Starting at the line below that contains "#165=IFCMATERIAL('Double-silver low-E insulated", print each line through the end of the records exactly as it appears.

» **Dataset entries**:
════════════════════

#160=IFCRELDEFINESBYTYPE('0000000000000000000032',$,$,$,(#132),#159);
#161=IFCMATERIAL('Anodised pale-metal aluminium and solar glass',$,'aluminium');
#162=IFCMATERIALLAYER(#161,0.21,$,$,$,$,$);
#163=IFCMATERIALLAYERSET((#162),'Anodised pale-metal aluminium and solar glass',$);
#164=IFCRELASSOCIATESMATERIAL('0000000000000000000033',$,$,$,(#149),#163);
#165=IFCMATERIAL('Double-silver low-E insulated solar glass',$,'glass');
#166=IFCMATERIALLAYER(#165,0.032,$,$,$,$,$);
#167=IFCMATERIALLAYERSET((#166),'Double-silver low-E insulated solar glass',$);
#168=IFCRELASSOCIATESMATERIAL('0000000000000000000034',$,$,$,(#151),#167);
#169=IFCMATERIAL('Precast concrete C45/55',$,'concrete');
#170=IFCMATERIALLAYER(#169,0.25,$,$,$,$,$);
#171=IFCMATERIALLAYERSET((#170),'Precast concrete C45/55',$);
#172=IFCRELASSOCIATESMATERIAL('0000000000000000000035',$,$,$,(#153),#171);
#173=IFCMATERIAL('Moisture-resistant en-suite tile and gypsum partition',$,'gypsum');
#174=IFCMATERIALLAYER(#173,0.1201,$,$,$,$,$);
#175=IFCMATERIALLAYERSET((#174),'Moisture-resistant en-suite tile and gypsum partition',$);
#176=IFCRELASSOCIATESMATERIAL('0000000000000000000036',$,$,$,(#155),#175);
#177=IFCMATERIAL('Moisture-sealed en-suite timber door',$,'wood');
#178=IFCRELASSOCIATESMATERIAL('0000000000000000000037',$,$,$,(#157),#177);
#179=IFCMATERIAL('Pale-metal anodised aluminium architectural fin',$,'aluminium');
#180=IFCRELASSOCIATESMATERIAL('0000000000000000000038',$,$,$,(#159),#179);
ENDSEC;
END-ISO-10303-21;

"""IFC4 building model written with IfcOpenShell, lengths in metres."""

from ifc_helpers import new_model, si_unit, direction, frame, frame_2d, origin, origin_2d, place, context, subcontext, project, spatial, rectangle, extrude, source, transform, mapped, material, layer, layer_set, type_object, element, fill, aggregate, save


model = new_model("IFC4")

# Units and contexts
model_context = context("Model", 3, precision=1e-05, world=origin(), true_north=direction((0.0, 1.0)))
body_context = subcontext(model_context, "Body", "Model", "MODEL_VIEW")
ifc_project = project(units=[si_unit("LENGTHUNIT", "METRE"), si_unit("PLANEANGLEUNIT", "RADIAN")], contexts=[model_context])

════════════════════

» **Output of the exercise**:
#165=IFCMATERIAL('Double-silver low-E insulated solar glass',$,'glass');
#166=IFCMATERIALLAYER(#165,0.032,$,$,$,$,$);
#167=IFCMATERIALLAYERSET((#166),'Double-silver low-E insulated solar glass',$);
#168=IFCRELASSOCIATESMATERIAL('0000000000000000000034',$,$,$,(#151),#167);
#169=IFCMATERIAL('Precast concrete C45/55',$,'concrete');
#170=IFCMATERIALLAYER(#169,0.25,$,$,$,$,$);
#171=IFCMATERIALLAYERSET((#170),'Precast concrete C45/55',$);
#172=IFCRELASSOCIATESMATERIAL('0000000000000000000035',$,$,$,(#153),#171);
#173=IFCMATERIAL('Moisture-resistant en-suite tile and gypsum partition',$,'gypsum');
#174=IFCMATERIALLAYER(#173,0.1201,$,$,$,$,$);
#175=IFCMATERIALLAYERSET((#174),'Moisture-resistant en-suite tile and gypsum partition',$);
#176=IFCRELASSOCIATESMATERIAL('0000000000000000000036',$,$,$,(#155),#175);
#177=IFCMATERIAL('Moisture-sealed en-suite timber door',$,'wood');
#178=IFCRELASSOCIATESMATERIAL('0000000000000000000037',$,$,$,(#157),#177);
#179=IFCMATERIAL('Pale-metal anodised aluminium architectural fin',$,'aluminium');
#180=IFCRELASSOCIATESMATERIAL('0000000000000000000038',$,$,$,(#159),#179);
ENDSEC;
END-ISO-10303-21;

"""IFC4 building model written with IfcOpenShell, lengths in metres."""

from ifc_helpers import new_model, si_unit, direction, frame, frame_2d, origin, origin_2d, place, context, subcontext, project, spatial, rectangle, extrude, source, transform, mapped, material, layer, layer_set, type_object, element, fill, aggregate, save


model = new_model("IFC4")

# Units and contexts
model_context = context("Model", 3, precision=1e-05, world=origin(), true_north=direction((0.0, 1.0)))
body_context = subcontext(model_context, "Body", "Model", "MODEL_VIEW")
ifc_project = project(units=[si_unit("LENGTHUNIT", "METRE"), si_unit("PLANEANGLEUNIT", "RADIAN")], contexts=[model_context])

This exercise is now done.